What is expected: Only an exact repetition of every entry counts as the answer.

[Dataset items]
* * *

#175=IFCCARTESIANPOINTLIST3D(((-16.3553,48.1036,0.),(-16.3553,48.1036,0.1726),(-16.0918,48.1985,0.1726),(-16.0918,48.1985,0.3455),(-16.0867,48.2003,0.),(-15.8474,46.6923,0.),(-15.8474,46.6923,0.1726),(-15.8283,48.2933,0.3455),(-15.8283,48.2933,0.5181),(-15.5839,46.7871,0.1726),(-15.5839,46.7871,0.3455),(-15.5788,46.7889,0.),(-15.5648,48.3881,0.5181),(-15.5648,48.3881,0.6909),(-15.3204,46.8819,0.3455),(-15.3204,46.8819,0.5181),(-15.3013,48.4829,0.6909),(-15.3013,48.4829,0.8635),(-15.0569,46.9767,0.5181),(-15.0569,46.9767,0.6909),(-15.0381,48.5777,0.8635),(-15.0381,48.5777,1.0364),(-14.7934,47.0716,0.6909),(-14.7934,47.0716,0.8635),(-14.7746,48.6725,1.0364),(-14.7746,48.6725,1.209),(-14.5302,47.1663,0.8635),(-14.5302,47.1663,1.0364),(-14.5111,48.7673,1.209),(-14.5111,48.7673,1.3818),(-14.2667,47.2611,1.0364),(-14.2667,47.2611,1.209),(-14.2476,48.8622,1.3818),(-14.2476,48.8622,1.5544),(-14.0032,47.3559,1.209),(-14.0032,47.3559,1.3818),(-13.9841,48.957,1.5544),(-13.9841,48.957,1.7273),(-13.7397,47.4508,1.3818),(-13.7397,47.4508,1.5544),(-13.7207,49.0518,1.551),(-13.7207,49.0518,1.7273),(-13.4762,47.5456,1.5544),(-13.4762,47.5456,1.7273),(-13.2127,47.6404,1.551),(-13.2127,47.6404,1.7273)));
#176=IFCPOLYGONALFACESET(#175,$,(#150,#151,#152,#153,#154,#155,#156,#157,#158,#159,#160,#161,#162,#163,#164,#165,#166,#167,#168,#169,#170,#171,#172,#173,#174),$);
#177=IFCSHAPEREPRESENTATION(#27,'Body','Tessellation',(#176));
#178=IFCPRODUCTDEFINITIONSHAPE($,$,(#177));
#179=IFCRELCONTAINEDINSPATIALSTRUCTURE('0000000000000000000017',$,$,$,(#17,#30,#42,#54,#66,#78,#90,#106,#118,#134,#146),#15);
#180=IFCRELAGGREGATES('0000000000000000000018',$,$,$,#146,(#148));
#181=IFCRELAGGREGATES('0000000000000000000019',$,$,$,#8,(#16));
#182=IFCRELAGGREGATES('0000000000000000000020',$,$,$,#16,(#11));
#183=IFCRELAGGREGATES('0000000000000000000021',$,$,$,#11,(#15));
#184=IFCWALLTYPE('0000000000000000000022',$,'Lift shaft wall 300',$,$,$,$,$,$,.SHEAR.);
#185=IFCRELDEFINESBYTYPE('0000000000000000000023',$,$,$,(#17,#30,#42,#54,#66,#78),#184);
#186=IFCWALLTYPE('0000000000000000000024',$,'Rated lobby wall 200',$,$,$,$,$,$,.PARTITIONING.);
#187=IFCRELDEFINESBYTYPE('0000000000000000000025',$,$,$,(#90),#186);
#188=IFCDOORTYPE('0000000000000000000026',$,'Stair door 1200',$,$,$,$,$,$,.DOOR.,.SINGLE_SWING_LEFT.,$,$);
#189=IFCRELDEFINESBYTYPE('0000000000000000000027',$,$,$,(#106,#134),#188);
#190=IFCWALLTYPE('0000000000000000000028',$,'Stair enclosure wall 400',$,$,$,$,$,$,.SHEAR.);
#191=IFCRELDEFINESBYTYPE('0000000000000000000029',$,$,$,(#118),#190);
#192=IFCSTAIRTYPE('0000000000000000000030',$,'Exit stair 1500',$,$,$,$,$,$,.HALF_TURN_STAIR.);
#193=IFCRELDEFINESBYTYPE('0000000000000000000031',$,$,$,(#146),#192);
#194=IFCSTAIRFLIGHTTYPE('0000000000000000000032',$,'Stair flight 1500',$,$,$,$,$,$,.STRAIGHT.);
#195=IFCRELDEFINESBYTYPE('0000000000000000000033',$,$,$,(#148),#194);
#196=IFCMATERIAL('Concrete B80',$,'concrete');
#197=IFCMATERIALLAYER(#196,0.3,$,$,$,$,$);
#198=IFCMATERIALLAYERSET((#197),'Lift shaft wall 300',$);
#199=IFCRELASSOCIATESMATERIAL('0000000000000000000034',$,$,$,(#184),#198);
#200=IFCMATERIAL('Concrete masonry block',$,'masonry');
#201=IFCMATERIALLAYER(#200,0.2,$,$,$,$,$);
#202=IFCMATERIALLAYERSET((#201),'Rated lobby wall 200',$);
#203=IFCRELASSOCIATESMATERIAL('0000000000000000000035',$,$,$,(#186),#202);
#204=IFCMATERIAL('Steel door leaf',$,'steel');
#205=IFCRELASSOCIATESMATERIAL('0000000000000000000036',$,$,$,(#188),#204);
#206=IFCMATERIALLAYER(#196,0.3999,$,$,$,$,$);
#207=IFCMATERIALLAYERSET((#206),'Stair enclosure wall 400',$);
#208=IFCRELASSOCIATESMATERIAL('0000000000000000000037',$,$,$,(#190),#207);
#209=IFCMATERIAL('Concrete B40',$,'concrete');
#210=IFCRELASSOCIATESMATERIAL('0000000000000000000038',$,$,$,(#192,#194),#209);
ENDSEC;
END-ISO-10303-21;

* * *

Output below:
#175=IFCCARTESIANPOINTLIST3D(((-16.3553,48.1036,0.),(-16.3553,48.1036,0.1726),(-16.0918,48.1985,0.1726),(-16.0918,48.1985,0.3455),(-16.0867,48.2003,0.),(-15.8474,46.6923,0.),(-15.8474,46.6923,0.1726),(-15.8283,48.2933,0.3455),(-15.8283,48.2933,0.5181),(-15.5839,46.7871,0.1726),(-15.5839,46.7871,0.3455),(-15.5788,46.7889,0.),(-15.5648,48.3881,0.5181),(-15.5648,48.3881,0.6909),(-15.3204,46.8819,0.3455),(-15.3204,46.8819,0.5181),(-15.3013,48.4829,0.6909),(-15.3013,48.4829,0.8635),(-15.0569,46.9767,0.5181),(-15.0569,46.9767,0.6909),(-15.0381,48.5777,0.8635),(-15.0381,48.5777,1.0364),(-14.7934,47.0716,0.6909),(-14.7934,47.0716,0.8635),(-14.7746,48.6725,1.0364),(-14.7746,48.6725,1.209),(-14.5302,47.1663,0.8635),(-14.5302,47.1663,1.0364),(-14.5111,48.7673,1.209),(-14.5111,48.7673,1.3818),(-14.2667,47.2611,1.0364),(-14.2667,47.2611,1.209),(-14.2476,48.8622,1.3818),(-14.2476,48.8622,1.5544),(-14.0032,47.3559,1.209),(-14.0032,47.3559,1.3818),(-13.9841,48.957,1.5544),(-13.9841,48.957,1.7273),(-13.7397,47.4508,1.3818),(-13.7397,47.4508,1.5544),(-13.7207,49.0518,1.551),(-13.7207,49.0518,1.7273),(-13.4762,47.5456,1.5544),(-13.4762,47.5456,1.7273),(-13.2127,47.6404,1.551),(-13.2127,47.6404,1.7273)));
#176=IFCPOLYGONALFACESET(#175,$,(#150,#151,#152,#153,#154,#155,#156,#157,#158,#159,#160,#161,#162,#163,#164,#165,#166,#167,#168,#169,#170,#171,#172,#173,#174),$);
#177=IFCSHAPEREPRESENTATION(#27,'Body','Tessellation',(#176));
#178=IFCPRODUCTDEFINITIONSHAPE($,$,(#177));
#179=IFCRELCONTAINEDINSPATIALSTRUCTURE('0000000000000000000017',$,$,$,(#17,#30,#42,#54,#66,#78,#90,#106,#118,#134,#146),#15);
#180=IFCRELAGGREGATES('0000000000000000000018',$,$,$,#146,(#148));
#181=IFCRELAGGREGATES('0000000000000000000019',$,$,$,#8,(#16));
#182=IFCRELAGGREGATES('0000000000000000000020',$,$,$,#16,(#11));
#183=IFCRELAGGREGATES('0000000000000000000021',$,$,$,#11,(#15));
#184=IFCWALLTYPE('0000000000000000000022',$,'Lift shaft wall 300',$,$,$,$,$,$,.SHEAR.);
#185=IFCRELDEFINESBYTYPE('0000000000000000000023',$,$,$,(#17,#30,#42,#54,#66,#78),#184);
#186=IFCWALLTYPE('0000000000000000000024',$,'Rated lobby wall 200',$,$,$,$,$,$,.PARTITIONING.);
#187=IFCRELDEFINESBYTYPE('0000000000000000000025',$,$,$,(#90),#186);
#188=IFCDOORTYPE('0000000000000000000026',$,'Stair door 1200',$,$,$,$,$,$,.DOOR.,.SINGLE_SWING_LEFT.,$,$);
#189=IFCRELDEFINESBYTYPE('0000000000000000000027',$,$,$,(#106,#134),#188);
#190=IFCWALLTYPE('0000000000000000000028',$,'Stair enclosure wall 400',$,$,$,$,$,$,.SHEAR.);
#191=IFCRELDEFINESBYTYPE('0000000000000000000029',$,$,$,(#118),#190);
#192=IFCSTAIRTYPE('0000000000000000000030',$,'Exit stair 1500',$,$,$,$,$,$,.HALF_TURN_STAIR.);
#193=IFCRELDEFINESBYTYPE('0000000000000000000031',$,$,$,(#146),#192);
#194=IFCSTAIRFLIGHTTYPE('0000000000000000000032',$,'Stair flight 1500',$,$,$,$,$,$,.STRAIGHT.);
#195=IFCRELDEFINESBYTYPE('0000000000000000000033',$,$,$,(#148),#194);
#196=IFCMATERIAL('Concrete B80',$,'concrete');
#197=IFCMATERIALLAYER(#196,0.3,$,$,$,$,$);
#198=IFCMATERIALLAYERSET((#197),'Lift shaft wall 300',$);
#199=IFCRELASSOCIATESMATERIAL('0000000000000000000034',$,$,$,(#184),#198);
#200=IFCMATERIAL('Concrete masonry block',$,'masonry');
#201=IFCMATERIALLAYER(#200,0.2,$,$,$,$,$);
#202=IFCMATERIALLAYERSET((#201),'Rated lobby wall 200',$);
#203=IFCRELASSOCIATESMATERIAL('0000000000000000000035',$,$,$,(#186),#202);
#204=IFCMATERIAL('Steel door leaf',$,'steel');
#205=IFCRELASSOCIATESMATERIAL('0000000000000000000036',$,$,$,(#188),#204);
#206=IFCMATERIALLAYER(#196,0.3999,$,$,$,$,$);
#207=IFCMATERIALLAYERSET((#206),'Stair enclosure wall 400',$);
#208=IFCRELASSOCIATESMATERIAL('0000000000000000000037',$,$,$,(#190),#207);
#209=IFCMATERIAL('Concrete B40',$,'concrete');
#210=IFCRELASSOCIATESMATERIAL('0000000000000000000038',$,$,$,(#192,#194),#209);
ENDSEC;
END-ISO-10303-21;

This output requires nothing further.